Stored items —

★ ★ ★ ★

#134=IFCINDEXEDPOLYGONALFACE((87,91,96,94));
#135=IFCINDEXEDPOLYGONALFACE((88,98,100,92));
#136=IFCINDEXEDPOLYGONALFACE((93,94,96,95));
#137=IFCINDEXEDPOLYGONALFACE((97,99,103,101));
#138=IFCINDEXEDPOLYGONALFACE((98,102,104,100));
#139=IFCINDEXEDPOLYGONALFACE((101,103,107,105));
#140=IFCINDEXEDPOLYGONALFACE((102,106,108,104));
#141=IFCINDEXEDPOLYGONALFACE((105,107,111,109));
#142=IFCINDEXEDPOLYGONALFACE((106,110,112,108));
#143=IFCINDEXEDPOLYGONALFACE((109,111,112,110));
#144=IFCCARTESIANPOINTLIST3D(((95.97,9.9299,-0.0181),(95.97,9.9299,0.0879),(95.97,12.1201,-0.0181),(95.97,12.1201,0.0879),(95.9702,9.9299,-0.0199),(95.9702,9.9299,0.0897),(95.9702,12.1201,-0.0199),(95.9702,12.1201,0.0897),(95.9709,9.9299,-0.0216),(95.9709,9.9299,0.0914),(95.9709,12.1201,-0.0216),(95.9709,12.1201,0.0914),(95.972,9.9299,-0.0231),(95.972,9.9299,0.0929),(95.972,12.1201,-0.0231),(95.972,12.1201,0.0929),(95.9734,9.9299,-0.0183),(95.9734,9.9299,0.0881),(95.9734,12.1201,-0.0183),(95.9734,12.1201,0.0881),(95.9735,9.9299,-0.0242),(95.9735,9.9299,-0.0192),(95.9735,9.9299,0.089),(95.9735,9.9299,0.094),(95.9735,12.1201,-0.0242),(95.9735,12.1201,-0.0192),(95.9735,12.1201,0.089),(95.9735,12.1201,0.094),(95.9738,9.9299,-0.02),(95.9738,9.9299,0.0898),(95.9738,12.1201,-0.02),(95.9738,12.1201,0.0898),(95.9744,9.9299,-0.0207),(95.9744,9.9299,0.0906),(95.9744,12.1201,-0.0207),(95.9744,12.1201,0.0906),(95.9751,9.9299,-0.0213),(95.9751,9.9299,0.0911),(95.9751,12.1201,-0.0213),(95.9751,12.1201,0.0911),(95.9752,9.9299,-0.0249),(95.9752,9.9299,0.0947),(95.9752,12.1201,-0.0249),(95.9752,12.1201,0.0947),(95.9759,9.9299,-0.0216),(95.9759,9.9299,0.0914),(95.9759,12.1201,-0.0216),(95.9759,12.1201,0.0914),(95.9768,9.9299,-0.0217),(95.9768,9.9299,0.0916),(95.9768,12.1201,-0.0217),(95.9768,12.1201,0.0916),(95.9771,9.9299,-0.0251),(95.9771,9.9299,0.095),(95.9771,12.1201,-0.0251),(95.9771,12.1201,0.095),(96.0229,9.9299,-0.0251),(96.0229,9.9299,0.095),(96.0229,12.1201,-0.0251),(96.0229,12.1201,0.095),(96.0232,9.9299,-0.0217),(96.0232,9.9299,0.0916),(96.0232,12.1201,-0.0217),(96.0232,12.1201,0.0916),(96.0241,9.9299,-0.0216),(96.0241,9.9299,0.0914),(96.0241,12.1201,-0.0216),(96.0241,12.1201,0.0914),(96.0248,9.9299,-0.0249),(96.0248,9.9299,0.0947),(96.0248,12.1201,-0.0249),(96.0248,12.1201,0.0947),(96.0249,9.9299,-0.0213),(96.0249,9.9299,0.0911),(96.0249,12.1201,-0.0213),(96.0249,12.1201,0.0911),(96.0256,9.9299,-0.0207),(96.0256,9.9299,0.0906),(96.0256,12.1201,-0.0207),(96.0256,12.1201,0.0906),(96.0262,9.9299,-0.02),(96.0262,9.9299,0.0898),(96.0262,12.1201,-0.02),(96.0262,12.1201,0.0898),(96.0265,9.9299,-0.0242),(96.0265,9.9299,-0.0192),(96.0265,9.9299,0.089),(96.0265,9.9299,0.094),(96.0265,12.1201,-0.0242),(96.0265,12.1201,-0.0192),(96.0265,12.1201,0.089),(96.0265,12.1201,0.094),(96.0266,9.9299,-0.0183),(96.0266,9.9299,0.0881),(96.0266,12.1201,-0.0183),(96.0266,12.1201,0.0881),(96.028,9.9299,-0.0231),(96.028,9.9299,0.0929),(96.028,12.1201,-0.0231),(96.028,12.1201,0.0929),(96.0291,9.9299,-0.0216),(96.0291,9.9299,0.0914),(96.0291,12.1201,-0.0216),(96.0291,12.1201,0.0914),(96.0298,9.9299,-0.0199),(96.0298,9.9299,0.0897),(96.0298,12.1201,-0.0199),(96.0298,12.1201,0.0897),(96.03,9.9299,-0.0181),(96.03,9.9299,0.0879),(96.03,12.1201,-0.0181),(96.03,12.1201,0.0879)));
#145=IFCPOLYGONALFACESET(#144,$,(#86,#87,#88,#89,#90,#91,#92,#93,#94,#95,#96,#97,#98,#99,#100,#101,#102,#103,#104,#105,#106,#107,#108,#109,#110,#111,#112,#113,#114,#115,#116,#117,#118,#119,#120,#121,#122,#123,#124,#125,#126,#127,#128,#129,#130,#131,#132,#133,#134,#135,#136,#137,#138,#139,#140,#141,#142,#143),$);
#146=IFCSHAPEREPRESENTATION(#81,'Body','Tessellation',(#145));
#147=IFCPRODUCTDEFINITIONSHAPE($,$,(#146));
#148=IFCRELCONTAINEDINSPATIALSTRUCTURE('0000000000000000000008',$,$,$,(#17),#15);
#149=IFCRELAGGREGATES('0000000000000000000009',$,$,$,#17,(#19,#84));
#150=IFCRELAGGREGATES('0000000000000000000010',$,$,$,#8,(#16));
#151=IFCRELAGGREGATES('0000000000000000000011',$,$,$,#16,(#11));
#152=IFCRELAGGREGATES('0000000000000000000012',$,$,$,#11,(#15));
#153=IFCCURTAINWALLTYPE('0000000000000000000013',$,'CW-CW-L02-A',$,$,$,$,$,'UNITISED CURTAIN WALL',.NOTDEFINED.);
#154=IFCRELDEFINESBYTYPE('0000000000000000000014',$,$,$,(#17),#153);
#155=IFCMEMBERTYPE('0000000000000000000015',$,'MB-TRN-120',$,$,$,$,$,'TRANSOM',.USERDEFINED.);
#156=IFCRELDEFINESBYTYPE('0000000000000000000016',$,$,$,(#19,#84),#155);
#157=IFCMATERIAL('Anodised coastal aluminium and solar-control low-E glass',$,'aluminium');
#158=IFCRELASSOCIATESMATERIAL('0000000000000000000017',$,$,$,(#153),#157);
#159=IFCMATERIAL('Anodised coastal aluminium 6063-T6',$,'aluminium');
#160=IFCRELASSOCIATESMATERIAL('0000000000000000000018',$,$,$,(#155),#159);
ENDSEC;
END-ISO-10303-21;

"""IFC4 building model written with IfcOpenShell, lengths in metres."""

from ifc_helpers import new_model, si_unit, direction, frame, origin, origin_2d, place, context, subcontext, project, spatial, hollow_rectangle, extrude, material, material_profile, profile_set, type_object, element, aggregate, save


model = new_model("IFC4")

★ ★ ★ ★

Your objective — Copy out each entry precisely. Leave nothing out.

Your response —
#134=IFCINDEXEDPOLYGONALFACE((87,91,96,94));
#135=IFCINDEXEDPOLYGONALFACE((88,98,100,92));
#136=IFCINDEXEDPOLYGONALFACE((93,94,96,95));
#137=IFCINDEXEDPOLYGONALFACE((97,99,103,101));
#138=IFCINDEXEDPOLYGONALFACE((98,102,104,100));
#139=IFCINDEXEDPOLYGONALFACE((101,103,107,105));
#140=IFCINDEXEDPOLYGONALFACE((102,106,108,104));
#141=IFCINDEXEDPOLYGONALFACE((105,107,111,109));
#142=IFCINDEXEDPOLYGONALFACE((106,110,112,108));
#143=IFCINDEXEDPOLYGONALFACE((109,111,112,110));
#144=IFCCARTESIANPOINTLIST3D(((95.97,9.9299,-0.0181),(95.97,9.9299,0.0879),(95.97,12.1201,-0.0181),(95.97,12.1201,0.0879),(95.9702,9.9299,-0.0199),(95.9702,9.9299,0.0897),(95.9702,12.1201,-0.0199),(95.9702,12.1201,0.0897),(95.9709,9.9299,-0.0216),(95.9709,9.9299,0.0914),(95.9709,12.1201,-0.0216),(95.9709,12.1201,0.0914),(95.972,9.9299,-0.0231),(95.972,9.9299,0.0929),(95.972,12.1201,-0.0231),(95.972,12.1201,0.0929),(95.9734,9.9299,-0.0183),(95.9734,9.9299,0.0881),(95.9734,12.1201,-0.0183),(95.9734,12.1201,0.0881),(95.9735,9.9299,-0.0242),(95.9735,9.9299,-0.0192),(95.9735,9.9299,0.089),(95.9735,9.9299,0.094),(95.9735,12.1201,-0.0242),(95.9735,12.1201,-0.0192),(95.9735,12.1201,0.089),(95.9735,12.1201,0.094),(95.9738,9.9299,-0.02),(95.9738,9.9299,0.0898),(95.9738,12.1201,-0.02),(95.9738,12.1201,0.0898),(95.9744,9.9299,-0.0207),(95.9744,9.9299,0.0906),(95.9744,12.1201,-0.0207),(95.9744,12.1201,0.0906),(95.9751,9.9299,-0.0213),(95.9751,9.9299,0.0911),(95.9751,12.1201,-0.0213),(95.9751,12.1201,0.0911),(95.9752,9.9299,-0.0249),(95.9752,9.9299,0.0947),(95.9752,12.1201,-0.0249),(95.9752,12.1201,0.0947),(95.9759,9.9299,-0.0216),(95.9759,9.9299,0.0914),(95.9759,12.1201,-0.0216),(95.9759,12.1201,0.0914),(95.9768,9.9299,-0.0217),(95.9768,9.9299,0.0916),(95.9768,12.1201,-0.0217),(95.9768,12.1201,0.0916),(95.9771,9.9299,-0.0251),(95.9771,9.9299,0.095),(95.9771,12.1201,-0.0251),(95.9771,12.1201,0.095),(96.0229,9.9299,-0.0251),(96.0229,9.9299,0.095),(96.0229,12.1201,-0.0251),(96.0229,12.1201,0.095),(96.0232,9.9299,-0.0217),(96.0232,9.9299,0.0916),(96.0232,12.1201,-0.0217),(96.0232,12.1201,0.0916),(96.0241,9.9299,-0.0216),(96.0241,9.9299,0.0914),(96.0241,12.1201,-0.0216),(96.0241,12.1201,0.0914),(96.0248,9.9299,-0.0249),(96.0248,9.9299,0.0947),(96.0248,12.1201,-0.0249),(96.0248,12.1201,0.0947),(96.0249,9.9299,-0.0213),(96.0249,9.9299,0.0911),(96.0249,12.1201,-0.0213),(96.0249,12.1201,0.0911),(96.0256,9.9299,-0.0207),(96.0256,9.9299,0.0906),(96.0256,12.1201,-0.0207),(96.0256,12.1201,0.0906),(96.0262,9.9299,-0.02),(96.0262,9.9299,0.0898),(96.0262,12.1201,-0.02),(96.0262,12.1201,0.0898),(96.0265,9.9299,-0.0242),(96.0265,9.9299,-0.0192),(96.0265,9.9299,0.089),(96.0265,9.9299,0.094),(96.0265,12.1201,-0.0242),(96.0265,12.1201,-0.0192),(96.0265,12.1201,0.089),(96.0265,12.1201,0.094),(96.0266,9.9299,-0.0183),(96.0266,9.9299,0.0881),(96.0266,12.1201,-0.0183),(96.0266,12.1201,0.0881),(96.028,9.9299,-0.0231),(96.028,9.9299,0.0929),(96.028,12.1201,-0.0231),(96.028,12.1201,0.0929),(96.0291,9.9299,-0.0216),(96.0291,9.9299,0.0914),(96.0291,12.1201,-0.0216),(96.0291,12.1201,0.0914),(96.0298,9.9299,-0.0199),(96.0298,9.9299,0.0897),(96.0298,12.1201,-0.0199),(96.0298,12.1201,0.0897),(96.03,9.9299,-0.0181),(96.03,9.9299,0.0879),(96.03,12.1201,-0.0181),(96.03,12.1201,0.0879)));
#145=IFCPOLYGONALFACESET(#144,$,(#86,#87,#88,#89,#90,#91,#92,#93,#94,#95,#96,#97,#98,#99,#100,#101,#102,#103,#104,#105,#106,#107,#108,#109,#110,#111,#112,#113,#114,#115,#116,#117,#118,#119,#120,#121,#122,#123,#124,#125,#126,#127,#128,#129,#130,#131,#132,#133,#134,#135,#136,#137,#138,#139,#140,#141,#142,#143),$);
#146=IFCSHAPEREPRESENTATION(#81,'Body','Tessellation',(#145));
#147=IFCPRODUCTDEFINITIONSHAPE($,$,(#146));
#148=IFCRELCONTAINEDINSPATIALSTRUCTURE('0000000000000000000008',$,$,$,(#17),#15);
#149=IFCRELAGGREGATES('0000000000000000000009',$,$,$,#17,(#19,#84));
#150=IFCRELAGGREGATES('0000000000000000000010',$,$,$,#8,(#16));
#151=IFCRELAGGREGATES('0000000000000000000011',$,$,$,#16,(#11));
#152=IFCRELAGGREGATES('0000000000000000000012',$,$,$,#11,(#15));
#153=IFCCURTAINWALLTYPE('0000000000000000000013',$,'CW-CW-L02-A',$,$,$,$,$,'UNITISED CURTAIN WALL',.NOTDEFINED.);
#154=IFCRELDEFINESBYTYPE('0000000000000000000014',$,$,$,(#17),#153);
#155=IFCMEMBERTYPE('0000000000000000000015',$,'MB-TRN-120',$,$,$,$,$,'TRANSOM',.USERDEFINED.);
#156=IFCRELDEFINESBYTYPE('0000000000000000000016',$,$,$,(#19,#84),#155);
#157=IFCMATERIAL('Anodised coastal aluminium and solar-control low-E glass',$,'aluminium');
#158=IFCRELASSOCIATESMATERIAL('0000000000000000000017',$,$,$,(#153),#157);
#159=IFCMATERIAL('Anodised coastal aluminium 6063-T6',$,'aluminium');
#160=IFCRELASSOCIATESMATERIAL('0000000000000000000018',$,$,$,(#155),#159);
ENDSEC;
END-ISO-10303-21;

"""IFC4 building model written with IfcOpenShell, lengths in metres."""

from ifc_helpers import new_model, si_unit, direction, frame, origin, origin_2d, place, context, subcontext, project, spatial, hollow_rectangle, extrude, material, material_profile, profile_set, type_object, element, aggregate, save


model = new_model("IFC4")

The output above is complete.